(TASK OBJECTIVE) Write out again, please, the records below from the first line to the line holding "PREPARATION TEA KITCHEN',$,#14,$,$,.ELEMENT.,218.3999);", inclusive, and nothing else.
====== EXTRACTED ENTRIES ======
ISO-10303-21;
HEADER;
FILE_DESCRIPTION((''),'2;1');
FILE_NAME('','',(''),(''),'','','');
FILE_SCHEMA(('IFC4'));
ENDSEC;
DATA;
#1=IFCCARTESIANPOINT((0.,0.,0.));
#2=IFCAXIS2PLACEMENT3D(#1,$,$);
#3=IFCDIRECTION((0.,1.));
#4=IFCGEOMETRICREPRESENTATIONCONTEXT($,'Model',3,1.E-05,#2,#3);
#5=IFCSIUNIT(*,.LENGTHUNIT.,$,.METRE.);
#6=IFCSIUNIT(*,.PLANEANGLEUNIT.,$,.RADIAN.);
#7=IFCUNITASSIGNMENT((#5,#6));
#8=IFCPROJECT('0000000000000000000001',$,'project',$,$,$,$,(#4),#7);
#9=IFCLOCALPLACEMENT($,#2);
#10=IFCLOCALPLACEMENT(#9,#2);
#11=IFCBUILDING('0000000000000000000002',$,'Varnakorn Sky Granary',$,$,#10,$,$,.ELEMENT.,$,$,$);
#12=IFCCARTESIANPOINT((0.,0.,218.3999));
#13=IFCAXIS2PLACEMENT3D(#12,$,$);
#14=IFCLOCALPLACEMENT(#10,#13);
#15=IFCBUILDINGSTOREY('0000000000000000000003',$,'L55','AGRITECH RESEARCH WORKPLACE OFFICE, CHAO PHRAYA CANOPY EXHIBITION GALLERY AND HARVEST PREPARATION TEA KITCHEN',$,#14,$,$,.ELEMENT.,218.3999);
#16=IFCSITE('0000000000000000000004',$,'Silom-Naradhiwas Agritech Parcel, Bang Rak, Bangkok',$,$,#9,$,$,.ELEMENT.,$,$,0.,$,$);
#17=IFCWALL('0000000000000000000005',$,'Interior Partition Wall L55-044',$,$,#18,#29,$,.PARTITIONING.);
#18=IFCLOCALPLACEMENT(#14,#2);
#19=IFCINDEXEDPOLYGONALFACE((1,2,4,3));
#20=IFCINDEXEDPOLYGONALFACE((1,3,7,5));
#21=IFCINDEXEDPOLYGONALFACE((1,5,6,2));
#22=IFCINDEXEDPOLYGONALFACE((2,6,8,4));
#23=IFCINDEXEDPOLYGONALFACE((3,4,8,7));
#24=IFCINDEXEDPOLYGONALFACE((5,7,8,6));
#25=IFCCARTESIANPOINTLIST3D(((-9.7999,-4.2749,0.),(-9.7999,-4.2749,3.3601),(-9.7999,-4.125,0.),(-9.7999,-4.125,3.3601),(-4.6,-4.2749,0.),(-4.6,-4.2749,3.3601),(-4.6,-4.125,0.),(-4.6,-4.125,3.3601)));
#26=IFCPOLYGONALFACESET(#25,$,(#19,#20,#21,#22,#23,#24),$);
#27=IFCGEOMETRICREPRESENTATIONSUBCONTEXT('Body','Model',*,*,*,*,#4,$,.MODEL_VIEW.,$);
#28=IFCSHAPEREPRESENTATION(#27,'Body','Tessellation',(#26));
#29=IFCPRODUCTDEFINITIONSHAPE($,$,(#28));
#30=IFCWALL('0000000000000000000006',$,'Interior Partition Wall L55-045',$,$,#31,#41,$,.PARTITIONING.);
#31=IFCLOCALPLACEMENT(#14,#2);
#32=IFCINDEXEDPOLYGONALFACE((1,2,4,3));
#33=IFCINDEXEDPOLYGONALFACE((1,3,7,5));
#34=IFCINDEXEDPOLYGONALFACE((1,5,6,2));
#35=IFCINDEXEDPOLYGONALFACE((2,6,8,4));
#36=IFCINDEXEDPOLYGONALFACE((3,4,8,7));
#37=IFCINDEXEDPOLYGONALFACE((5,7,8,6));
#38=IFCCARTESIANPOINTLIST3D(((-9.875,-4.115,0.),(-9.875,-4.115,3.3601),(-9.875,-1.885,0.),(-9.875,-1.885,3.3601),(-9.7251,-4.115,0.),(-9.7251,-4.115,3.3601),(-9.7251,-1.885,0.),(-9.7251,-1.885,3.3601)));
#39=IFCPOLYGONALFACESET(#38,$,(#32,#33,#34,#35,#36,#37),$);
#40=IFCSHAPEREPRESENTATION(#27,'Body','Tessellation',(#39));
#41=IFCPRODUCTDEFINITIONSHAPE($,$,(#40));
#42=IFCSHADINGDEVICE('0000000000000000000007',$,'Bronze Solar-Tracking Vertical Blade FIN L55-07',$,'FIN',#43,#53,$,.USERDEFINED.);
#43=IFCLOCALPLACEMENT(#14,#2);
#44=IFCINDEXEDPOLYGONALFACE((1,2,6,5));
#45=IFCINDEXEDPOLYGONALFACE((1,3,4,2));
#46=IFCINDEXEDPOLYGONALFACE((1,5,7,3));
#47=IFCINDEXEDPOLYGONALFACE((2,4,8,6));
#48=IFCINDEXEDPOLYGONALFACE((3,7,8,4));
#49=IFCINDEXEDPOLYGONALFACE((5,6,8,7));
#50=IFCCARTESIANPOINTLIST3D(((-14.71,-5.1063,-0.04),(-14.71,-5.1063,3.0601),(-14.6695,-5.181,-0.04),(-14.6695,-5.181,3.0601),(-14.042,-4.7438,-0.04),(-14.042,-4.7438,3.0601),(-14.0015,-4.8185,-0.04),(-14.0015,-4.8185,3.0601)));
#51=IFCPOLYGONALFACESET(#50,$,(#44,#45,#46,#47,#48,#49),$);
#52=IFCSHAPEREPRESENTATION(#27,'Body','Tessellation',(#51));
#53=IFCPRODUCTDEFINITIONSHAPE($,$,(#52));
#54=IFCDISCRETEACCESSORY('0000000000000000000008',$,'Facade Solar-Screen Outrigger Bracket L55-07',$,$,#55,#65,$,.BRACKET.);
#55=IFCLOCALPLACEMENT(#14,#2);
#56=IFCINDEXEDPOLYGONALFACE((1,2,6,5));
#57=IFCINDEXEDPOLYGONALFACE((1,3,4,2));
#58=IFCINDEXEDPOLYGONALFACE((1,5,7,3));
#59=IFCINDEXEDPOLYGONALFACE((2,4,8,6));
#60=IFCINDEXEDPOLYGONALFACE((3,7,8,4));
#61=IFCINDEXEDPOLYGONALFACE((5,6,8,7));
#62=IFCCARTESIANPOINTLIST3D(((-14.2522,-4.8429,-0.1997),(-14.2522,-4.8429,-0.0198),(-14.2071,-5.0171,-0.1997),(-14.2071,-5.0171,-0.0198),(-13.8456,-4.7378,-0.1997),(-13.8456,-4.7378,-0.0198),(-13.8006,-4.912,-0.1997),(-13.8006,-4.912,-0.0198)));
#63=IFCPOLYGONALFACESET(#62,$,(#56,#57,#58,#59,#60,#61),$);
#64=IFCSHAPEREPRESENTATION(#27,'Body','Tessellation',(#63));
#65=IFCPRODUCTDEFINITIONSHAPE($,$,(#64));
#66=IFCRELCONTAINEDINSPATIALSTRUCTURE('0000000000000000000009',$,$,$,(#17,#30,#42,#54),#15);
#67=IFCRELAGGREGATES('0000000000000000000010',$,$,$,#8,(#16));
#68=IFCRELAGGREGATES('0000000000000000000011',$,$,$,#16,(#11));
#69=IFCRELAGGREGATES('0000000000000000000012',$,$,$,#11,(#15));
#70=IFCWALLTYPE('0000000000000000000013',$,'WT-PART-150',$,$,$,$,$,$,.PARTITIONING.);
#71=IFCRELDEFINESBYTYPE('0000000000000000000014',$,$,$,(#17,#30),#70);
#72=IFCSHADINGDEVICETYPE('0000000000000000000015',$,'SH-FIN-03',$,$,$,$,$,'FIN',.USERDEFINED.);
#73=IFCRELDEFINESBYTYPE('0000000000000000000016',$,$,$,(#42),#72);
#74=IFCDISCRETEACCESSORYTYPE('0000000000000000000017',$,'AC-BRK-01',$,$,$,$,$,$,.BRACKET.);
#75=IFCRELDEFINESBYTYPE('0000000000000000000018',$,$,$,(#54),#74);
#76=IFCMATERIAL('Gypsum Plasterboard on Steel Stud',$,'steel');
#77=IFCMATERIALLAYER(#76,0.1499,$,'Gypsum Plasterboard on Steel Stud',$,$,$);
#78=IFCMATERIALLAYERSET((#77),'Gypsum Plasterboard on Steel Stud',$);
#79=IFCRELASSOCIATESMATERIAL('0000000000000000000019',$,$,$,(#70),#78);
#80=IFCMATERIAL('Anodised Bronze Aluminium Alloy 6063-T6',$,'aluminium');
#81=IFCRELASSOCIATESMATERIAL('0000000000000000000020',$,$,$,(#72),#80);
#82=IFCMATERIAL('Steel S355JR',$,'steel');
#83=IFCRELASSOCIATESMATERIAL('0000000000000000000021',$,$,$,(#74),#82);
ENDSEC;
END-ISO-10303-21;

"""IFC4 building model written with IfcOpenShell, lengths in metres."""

from ifc_helpers import new_model, si_unit, direction, frame, frame_2d, origin, origin_2d, place, context, subcontext, project, spatial, rectangle, extrude, source, transform, mapped, material, layer, layer_set, type_object, type_shapes, element, save


model = new_model("IFC4")

# Units and contexts
model_context = context("Model", 3, precision=1e-05, world=origin(), true_north=direction((0.0, 1.0)))
body_context = subcontext(model_context, "Body", "Model", "MODEL_VIEW")
ifc_project = project(units=[si_unit("LENGTHUNIT", "METRE"), si_unit("PLANEANGLEUNIT", "RADIAN")], contexts=[model_context])

# Site, building, storey
site_placement = place(None, origin())
site = spatial("IfcSite", under=ifc_project, at=site_placement, Name="Silom-Naradhiwas Agritech Parcel, Bang Rak, Bangkok", CompositionType="ELEMENT", RefElevation=0.0)
building_placement = place(site_placement, origin())
building = spatial("IfcBuilding", under=site, at=building_placement, Name="Varnakorn Sky Granary", CompositionType="ELEMENT")
storey_placement = place(building_placement, frame((0.0, 0.0, 218.3999)))
storey = spatial("IfcBuildingStorey", under=building, at=storey_placement, Name="L55", Description="AGRITECH RESEARCH WORKPLACE OFFICE, CHAO PHRAYA CANOPY EXHIBITION GALLERY AND HARVEST PREPARATION TEA KITCHEN", CompositionType="ELEMENT", Elevation=218.3999)

# Shared definitions
ifc_material_1 = material(Name="Steel S355JR", Category="steel")

# Shared definitions
ifc_material_2 = material(Name="Anodised Bronze Aluminium Alloy 6063-T6", Category="aluminium")

# Walls
ifc_material_3 = material(Name="Gypsum Plasterboard on Steel Stud", Category="steel")
ifc_layer_1 = layer(ifc_material_3, 0.1499, Name="Gypsum Plasterboard on Steel Stud")
ifc_layer_set_1 = layer_set([ifc_layer_1], Name="Gypsum Plasterboard on Steel Stud")
wall_type = type_object("IfcWallType", Name="WT-PART-150", PredefinedType="PARTITIONING", material=ifc_layer_set_1)
wall_1_placement = place(storey_placement, frame((-9.8, -4.2, 0.0), z_axis=(0.0, 0.0, 1.0), x_axis=(1.0, 0.0, 0.0)))
element("IfcWall", 1, at=wall_1_placement, inside=storey, type_object=wall_type, Name="Interior Partition Wall L55-044", PredefinedType="PARTITIONING", context=body_context, shape_type="SweptSolid", body=[
    extrude(rectangle(XDim=5.2, YDim=0.1499, at=frame_2d((2.6001, 0.0))), origin(), (0.0, 0.0, 1.0), 3.3601),
])
wall_2_placement = place(storey_placement, frame((-9.8, -1.885, 0.0), z_axis=(0.0, 0.0, 1.0), x_axis=(0.0, -1.0, 0.0)))
element("IfcWall", 2, at=wall_2_placement, inside=storey, type_object=wall_type, Name="Interior Partition Wall L55-045", PredefinedType="PARTITIONING", context=body_context, shape_type="SweptSolid", body=[
    extrude(rectangle(XDim=2.23, YDim=0.1499, at=frame_2d((1.115, 0.0))), origin(), (0.0, 0.0, 1.0), 3.3601),
])

# Shading device
shading_device_type = type_object("IfcShadingDeviceType", Name="SH-FIN-03", ElementType="FIN", PredefinedType="USERDEFINED", material=ifc_material_2)
shared_shape_1 = source(origin(), body_context, "Body", "SweptSolid", [
    extrude(rectangle(XDim=0.085, YDim=0.76, at=origin_2d()), origin(), (0.0, 0.0, 1.0), 3.1001),
])
type_shapes(shading_device_type, [shared_shape_1])
shading_device_placement = place(storey_placement, frame((-14.3557, -4.9624, -0.04), z_axis=(0.0, 0.0, 1.0), x_axis=(0.476927, -0.878943, 0.0)))
element("IfcShadingDevice", 3, at=shading_device_placement, inside=storey, type_object=shading_device_type, Name="Bronze Solar-Tracking Vertical Blade FIN L55-07", ObjectType="FIN", PredefinedType="USERDEFINED", context=body_context, shape_type="MappedRepresentation", body=[
    mapped(shared_shape_1, transform((0.0, 0.0, 0.0), x_axis=(1.0, 0.0, 0.0), y_axis=(0.0, 1.0, 0.0), z_axis=(0.0, 0.0, 1.0), scale=1.0)),
])

# Discrete accessory
discrete_accessory_type = type_object("IfcDiscreteAccessoryType", Name="AC-BRK-01", PredefinedType="BRACKET", material=ifc_material_1)
shared_shape_2 = source(origin(), body_context, "Body", "SweptSolid", [
    extrude(rectangle(XDim=0.1799, YDim=0.4199, at=origin_2d()), origin(), (0.0, 0.0, 1.0), 0.1799),
])
type_shapes(discrete_accessory_type, [shared_shape_2])
discrete_accessory_placement = place(storey_placement, frame((-14.0264, -4.8774, -0.1997), z_axis=(0.0, 0.0, 1.0), x_axis=(0.250171, -0.968202, 0.0)))
element("IfcDiscreteAccessory", 4, at=discrete_accessory_placement, inside=storey, type_object=discrete_accessory_type, Name="Facade Solar-Screen Outrigger Bracket L55-07", PredefinedType="BRACKET", context=body_context, shape_type="MappedRepresentation", body=[
    mapped(shared_shape_2, transform((0.0, 0.0, 0.0), x_axis=(1.0, 0.0, 0.0), y_axis=(0.0, 1.0, 0.0), z_axis=(0.0, 0.0, 1.0), scale=1.0)),
])

save(model, "model.ifc")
======
(OUTPUT OF THE EXERCISE)
ISO-10303-21;
HEADER;
FILE_DESCRIPTION((''),'2;1');
FILE_NAME('','',(''),(''),'','','');
FILE_SCHEMA(('IFC4'));
ENDSEC;
DATA;
#1=IFCCARTESIANPOINT((0.,0.,0.));
#2=IFCAXIS2PLACEMENT3D(#1,$,$);
#3=IFCDIRECTION((0.,1.));
#4=IFCGEOMETRICREPRESENTATIONCONTEXT($,'Model',3,1.E-05,#2,#3);
#5=IFCSIUNIT(*,.LENGTHUNIT.,$,.METRE.);
#6=IFCSIUNIT(*,.PLANEANGLEUNIT.,$,.RADIAN.);
#7=IFCUNITASSIGNMENT((#5,#6));
#8=IFCPROJECT('0000000000000000000001',$,'project',$,$,$,$,(#4),#7);
#9=IFCLOCALPLACEMENT($,#2);
#10=IFCLOCALPLACEMENT(#9,#2);
#11=IFCBUILDING('0000000000000000000002',$,'Varnakorn Sky Granary',$,$,#10,$,$,.ELEMENT.,$,$,$);
#12=IFCCARTESIANPOINT((0.,0.,218.3999));
#13=IFCAXIS2PLACEMENT3D(#12,$,$);
#14=IFCLOCALPLACEMENT(#10,#13);
#15=IFCBUILDINGSTOREY('0000000000000000000003',$,'L55','AGRITECH RESEARCH WORKPLACE OFFICE, CHAO PHRAYA CANOPY EXHIBITION GALLERY AND HARVEST PREPARATION TEA KITCHEN',$,#14,$,$,.ELEMENT.,218.3999);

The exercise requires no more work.